HOW TO COMPLETE THIS TASK: Reproduce only the top of the records, down to and including the line containing "#148=IFCINDEXEDPOLYGONALFACE((3,4,8,7));".

Data extracted from a collection:
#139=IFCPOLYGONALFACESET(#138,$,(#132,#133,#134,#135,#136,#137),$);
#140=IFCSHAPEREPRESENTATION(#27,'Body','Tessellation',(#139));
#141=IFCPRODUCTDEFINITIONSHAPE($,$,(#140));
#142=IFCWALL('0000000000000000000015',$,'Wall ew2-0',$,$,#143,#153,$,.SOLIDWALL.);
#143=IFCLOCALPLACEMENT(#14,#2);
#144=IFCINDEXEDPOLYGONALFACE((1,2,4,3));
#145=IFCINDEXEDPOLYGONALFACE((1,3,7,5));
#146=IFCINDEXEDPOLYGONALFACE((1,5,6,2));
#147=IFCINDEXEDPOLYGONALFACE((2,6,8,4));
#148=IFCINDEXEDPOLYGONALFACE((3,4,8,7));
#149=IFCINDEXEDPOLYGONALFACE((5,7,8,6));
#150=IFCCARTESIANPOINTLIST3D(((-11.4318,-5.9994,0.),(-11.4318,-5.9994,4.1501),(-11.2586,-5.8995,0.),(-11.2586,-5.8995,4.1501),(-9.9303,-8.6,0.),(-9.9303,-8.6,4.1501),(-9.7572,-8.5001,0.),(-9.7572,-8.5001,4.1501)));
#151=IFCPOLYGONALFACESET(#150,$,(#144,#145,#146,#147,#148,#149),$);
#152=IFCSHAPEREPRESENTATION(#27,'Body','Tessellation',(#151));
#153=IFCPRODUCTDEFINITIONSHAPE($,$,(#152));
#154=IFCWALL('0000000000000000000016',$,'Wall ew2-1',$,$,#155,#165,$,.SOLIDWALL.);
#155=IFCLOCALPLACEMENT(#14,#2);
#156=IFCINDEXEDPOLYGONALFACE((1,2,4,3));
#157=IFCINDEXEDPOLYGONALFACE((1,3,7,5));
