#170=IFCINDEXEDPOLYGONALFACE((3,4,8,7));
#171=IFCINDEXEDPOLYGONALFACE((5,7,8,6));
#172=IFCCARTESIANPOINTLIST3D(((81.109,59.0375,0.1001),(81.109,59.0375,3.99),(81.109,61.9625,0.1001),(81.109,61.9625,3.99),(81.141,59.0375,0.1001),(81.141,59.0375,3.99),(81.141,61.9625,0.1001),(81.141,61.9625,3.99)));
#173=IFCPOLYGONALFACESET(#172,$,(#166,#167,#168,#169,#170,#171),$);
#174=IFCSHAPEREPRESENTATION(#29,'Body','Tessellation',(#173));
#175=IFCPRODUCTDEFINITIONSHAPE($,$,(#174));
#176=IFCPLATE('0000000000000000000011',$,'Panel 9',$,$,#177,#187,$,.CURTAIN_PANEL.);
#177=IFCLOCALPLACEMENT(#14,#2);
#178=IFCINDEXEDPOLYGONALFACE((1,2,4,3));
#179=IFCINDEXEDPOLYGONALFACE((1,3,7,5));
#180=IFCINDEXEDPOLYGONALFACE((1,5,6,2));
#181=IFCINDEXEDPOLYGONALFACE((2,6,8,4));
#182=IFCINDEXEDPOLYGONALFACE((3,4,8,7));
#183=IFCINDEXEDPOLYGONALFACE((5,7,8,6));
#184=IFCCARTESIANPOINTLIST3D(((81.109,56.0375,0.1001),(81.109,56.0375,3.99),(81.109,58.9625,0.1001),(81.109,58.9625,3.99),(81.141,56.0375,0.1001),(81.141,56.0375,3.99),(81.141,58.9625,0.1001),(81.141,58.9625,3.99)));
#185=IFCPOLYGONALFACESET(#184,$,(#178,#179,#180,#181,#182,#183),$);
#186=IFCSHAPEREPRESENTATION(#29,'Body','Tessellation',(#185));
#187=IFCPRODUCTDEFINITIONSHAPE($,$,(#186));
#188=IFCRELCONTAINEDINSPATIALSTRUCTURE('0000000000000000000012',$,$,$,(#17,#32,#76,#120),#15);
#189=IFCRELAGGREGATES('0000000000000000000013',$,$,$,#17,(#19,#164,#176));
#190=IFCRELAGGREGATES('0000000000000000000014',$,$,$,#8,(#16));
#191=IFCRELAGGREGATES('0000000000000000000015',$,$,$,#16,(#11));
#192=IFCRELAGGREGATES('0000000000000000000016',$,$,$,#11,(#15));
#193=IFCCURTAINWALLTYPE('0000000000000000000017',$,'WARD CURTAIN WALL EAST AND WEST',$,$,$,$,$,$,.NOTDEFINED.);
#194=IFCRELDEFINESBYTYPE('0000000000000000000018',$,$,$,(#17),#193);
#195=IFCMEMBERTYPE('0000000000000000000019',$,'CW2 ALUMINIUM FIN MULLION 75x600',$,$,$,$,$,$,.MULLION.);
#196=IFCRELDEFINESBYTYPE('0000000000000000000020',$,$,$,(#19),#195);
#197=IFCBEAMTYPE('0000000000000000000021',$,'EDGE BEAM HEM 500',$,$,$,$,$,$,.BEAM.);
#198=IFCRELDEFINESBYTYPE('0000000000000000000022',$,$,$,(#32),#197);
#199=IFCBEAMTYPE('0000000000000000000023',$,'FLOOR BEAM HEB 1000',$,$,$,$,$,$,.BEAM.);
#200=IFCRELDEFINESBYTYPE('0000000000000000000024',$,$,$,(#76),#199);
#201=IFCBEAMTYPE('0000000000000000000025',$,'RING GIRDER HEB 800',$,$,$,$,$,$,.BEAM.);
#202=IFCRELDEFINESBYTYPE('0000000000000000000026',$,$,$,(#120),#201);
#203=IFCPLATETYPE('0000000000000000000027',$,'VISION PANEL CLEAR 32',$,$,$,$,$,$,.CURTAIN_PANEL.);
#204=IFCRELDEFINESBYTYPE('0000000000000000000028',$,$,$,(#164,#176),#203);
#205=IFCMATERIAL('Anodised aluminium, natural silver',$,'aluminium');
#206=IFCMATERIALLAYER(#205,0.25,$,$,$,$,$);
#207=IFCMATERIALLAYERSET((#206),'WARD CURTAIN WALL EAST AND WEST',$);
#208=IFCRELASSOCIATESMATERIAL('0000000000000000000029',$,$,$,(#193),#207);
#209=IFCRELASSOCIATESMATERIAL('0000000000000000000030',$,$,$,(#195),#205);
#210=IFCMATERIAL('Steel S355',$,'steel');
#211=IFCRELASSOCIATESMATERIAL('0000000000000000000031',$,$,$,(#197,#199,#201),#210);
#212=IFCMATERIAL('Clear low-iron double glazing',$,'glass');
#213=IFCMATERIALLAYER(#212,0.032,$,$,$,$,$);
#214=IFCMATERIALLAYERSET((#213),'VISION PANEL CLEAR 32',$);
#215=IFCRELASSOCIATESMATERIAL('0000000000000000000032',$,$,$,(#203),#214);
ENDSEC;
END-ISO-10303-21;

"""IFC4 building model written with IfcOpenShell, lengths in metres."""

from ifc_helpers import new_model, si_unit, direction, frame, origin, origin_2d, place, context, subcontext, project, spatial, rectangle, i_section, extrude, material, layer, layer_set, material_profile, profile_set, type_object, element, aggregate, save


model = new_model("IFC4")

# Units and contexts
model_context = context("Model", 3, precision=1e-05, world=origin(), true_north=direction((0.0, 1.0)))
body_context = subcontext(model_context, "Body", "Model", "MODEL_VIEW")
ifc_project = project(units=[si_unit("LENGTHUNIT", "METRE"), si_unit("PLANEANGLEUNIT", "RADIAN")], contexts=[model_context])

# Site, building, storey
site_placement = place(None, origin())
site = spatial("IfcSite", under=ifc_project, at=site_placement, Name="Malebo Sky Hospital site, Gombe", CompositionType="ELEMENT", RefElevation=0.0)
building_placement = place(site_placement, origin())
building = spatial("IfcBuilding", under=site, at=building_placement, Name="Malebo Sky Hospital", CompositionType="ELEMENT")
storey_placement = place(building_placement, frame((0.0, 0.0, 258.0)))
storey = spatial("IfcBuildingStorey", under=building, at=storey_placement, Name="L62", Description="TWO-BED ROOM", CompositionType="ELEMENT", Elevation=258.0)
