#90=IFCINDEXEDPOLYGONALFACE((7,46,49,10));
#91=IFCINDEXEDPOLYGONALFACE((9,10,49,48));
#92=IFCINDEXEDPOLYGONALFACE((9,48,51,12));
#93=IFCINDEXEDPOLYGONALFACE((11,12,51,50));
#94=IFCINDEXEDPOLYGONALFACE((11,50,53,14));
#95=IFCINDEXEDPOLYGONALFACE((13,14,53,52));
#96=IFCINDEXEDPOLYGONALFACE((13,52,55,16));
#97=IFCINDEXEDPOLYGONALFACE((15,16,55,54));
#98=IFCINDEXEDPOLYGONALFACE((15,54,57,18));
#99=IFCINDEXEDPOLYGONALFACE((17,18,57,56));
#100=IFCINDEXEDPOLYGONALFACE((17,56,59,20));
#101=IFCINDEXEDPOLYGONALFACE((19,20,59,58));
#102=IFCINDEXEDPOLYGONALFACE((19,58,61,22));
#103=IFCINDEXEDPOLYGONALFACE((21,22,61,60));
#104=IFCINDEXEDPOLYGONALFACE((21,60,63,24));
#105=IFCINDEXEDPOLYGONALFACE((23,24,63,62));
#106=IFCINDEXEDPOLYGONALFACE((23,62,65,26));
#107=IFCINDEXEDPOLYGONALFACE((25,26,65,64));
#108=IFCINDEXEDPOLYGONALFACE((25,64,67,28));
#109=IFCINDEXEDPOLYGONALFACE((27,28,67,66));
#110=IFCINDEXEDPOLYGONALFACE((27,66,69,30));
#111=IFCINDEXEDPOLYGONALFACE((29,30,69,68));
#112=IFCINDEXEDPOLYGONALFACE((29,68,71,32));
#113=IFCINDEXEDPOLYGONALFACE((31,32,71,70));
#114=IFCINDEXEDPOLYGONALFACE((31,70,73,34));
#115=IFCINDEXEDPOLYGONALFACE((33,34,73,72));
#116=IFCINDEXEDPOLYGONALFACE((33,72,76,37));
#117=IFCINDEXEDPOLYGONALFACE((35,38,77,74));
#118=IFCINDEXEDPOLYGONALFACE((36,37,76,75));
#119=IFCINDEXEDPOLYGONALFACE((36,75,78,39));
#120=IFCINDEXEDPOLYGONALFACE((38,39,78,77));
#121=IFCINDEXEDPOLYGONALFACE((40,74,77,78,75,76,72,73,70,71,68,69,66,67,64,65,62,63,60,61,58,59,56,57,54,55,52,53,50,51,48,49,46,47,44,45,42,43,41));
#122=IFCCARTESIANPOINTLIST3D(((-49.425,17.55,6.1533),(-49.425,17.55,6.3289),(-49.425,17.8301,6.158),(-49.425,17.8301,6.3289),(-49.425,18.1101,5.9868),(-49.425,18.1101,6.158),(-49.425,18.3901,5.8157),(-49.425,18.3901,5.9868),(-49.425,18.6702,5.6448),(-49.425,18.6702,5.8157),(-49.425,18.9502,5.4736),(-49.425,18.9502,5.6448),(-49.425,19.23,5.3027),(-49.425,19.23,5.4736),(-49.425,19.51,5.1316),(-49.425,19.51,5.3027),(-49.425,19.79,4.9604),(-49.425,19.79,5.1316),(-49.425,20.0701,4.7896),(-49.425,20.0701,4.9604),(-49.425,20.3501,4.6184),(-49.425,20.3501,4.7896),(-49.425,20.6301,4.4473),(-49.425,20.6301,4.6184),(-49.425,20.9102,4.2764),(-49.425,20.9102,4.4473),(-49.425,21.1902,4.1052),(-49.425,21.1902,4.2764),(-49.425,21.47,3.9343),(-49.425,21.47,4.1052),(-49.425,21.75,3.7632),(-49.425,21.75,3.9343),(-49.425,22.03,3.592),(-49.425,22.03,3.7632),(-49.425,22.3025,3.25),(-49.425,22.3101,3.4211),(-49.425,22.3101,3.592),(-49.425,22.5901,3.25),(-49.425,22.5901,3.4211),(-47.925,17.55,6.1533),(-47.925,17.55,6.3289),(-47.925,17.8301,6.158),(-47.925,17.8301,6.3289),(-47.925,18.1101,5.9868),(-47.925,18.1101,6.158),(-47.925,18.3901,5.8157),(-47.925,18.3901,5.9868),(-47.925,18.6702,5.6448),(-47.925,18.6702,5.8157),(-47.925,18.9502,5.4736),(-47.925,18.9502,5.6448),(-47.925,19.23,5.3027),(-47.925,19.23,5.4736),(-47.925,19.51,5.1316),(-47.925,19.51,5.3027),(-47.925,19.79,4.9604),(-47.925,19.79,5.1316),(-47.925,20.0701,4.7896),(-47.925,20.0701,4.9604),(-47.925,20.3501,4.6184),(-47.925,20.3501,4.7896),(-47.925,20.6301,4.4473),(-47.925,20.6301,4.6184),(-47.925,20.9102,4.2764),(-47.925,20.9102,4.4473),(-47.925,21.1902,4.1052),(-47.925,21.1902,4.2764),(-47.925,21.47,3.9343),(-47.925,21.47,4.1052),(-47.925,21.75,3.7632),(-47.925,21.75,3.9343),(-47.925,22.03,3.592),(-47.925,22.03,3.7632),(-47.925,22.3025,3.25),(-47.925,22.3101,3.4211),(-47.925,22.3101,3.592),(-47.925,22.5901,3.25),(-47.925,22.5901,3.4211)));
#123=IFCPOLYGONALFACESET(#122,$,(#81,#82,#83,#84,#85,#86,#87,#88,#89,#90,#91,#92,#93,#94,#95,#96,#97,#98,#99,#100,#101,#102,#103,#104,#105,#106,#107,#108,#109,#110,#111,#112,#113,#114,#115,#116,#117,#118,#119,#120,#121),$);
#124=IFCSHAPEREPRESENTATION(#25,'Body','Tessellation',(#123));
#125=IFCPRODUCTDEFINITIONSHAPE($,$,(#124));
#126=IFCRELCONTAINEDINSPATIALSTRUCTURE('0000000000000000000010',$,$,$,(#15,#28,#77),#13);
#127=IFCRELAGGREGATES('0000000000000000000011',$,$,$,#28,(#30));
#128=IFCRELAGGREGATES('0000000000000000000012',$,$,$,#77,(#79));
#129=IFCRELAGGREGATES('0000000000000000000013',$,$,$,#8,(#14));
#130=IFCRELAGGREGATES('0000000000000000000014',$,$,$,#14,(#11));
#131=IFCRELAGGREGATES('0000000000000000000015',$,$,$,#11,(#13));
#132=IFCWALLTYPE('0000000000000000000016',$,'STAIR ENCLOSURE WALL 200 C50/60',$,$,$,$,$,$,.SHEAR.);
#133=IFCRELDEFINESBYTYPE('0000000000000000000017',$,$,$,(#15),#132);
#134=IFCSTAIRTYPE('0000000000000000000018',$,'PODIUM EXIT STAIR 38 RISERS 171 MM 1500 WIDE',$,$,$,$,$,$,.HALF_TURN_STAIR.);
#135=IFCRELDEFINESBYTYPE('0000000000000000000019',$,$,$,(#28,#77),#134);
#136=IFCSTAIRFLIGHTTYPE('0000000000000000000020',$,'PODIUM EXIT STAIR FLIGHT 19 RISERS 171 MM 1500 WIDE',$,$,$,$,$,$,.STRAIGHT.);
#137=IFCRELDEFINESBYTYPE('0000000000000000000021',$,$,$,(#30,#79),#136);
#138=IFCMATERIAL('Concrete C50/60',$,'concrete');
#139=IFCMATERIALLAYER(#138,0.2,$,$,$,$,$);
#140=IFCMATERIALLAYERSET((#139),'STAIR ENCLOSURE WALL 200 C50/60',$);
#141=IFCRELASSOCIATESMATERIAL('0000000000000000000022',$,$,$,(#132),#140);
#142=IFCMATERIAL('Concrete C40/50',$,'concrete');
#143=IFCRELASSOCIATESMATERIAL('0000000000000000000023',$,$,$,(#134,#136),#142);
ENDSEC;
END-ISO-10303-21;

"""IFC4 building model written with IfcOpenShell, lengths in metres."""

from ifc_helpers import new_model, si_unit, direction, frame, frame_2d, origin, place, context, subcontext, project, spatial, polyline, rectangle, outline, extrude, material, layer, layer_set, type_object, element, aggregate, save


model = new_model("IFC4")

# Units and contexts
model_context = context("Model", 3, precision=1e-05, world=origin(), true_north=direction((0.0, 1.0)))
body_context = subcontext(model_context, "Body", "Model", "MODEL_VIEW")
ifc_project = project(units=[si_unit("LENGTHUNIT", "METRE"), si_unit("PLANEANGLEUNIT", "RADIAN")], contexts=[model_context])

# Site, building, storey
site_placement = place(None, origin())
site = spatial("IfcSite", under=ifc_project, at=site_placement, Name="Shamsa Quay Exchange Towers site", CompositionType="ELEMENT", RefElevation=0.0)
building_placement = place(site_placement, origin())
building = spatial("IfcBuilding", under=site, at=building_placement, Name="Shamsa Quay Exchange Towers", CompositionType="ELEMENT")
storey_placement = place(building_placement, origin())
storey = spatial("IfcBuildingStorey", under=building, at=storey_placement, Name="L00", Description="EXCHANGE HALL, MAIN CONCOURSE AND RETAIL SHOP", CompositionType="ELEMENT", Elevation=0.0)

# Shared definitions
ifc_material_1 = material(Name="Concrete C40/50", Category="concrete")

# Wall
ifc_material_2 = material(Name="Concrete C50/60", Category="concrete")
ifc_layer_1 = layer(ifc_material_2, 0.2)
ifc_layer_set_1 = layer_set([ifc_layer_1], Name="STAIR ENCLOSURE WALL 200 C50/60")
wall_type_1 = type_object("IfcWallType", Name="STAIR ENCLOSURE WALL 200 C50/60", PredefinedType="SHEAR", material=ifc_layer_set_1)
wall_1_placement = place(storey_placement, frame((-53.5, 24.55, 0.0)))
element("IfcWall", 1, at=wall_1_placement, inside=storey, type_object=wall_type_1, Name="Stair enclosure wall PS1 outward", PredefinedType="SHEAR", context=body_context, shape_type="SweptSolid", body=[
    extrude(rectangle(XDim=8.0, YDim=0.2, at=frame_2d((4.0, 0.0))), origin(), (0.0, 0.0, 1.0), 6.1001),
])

OUTPUT FOR THIS TASK:
#139=IFCPOLYGONALFACESET(#138,$,(#132,#133,#134,#135,#136,#137),$);
#140=IFCSHAPEREPRESENTATION(#27,'Body','Tessellation',(#139));
#141=IFCPRODUCTDEFINITIONSHAPE($,$,(#140));
#142=IFCWALL('0000000000000000000015',$,'Wall ew2-0',$,$,#143,#153,$,.SOLIDWALL.);
#143=IFCLOCALPLACEMENT(#14,#2);
#144=IFCINDEXEDPOLYGONALFACE((1,2,4,3));
#145=IFCINDEXEDPOLYGONALFACE((1,3,7,5));
#146=IFCINDEXEDPOLYGONALFACE((1,5,6,2));
#147=IFCINDEXEDPOLYGONALFACE((2,6,8,4));
#148=IFCINDEXEDPOLYGONALFACE((3,4,8,7));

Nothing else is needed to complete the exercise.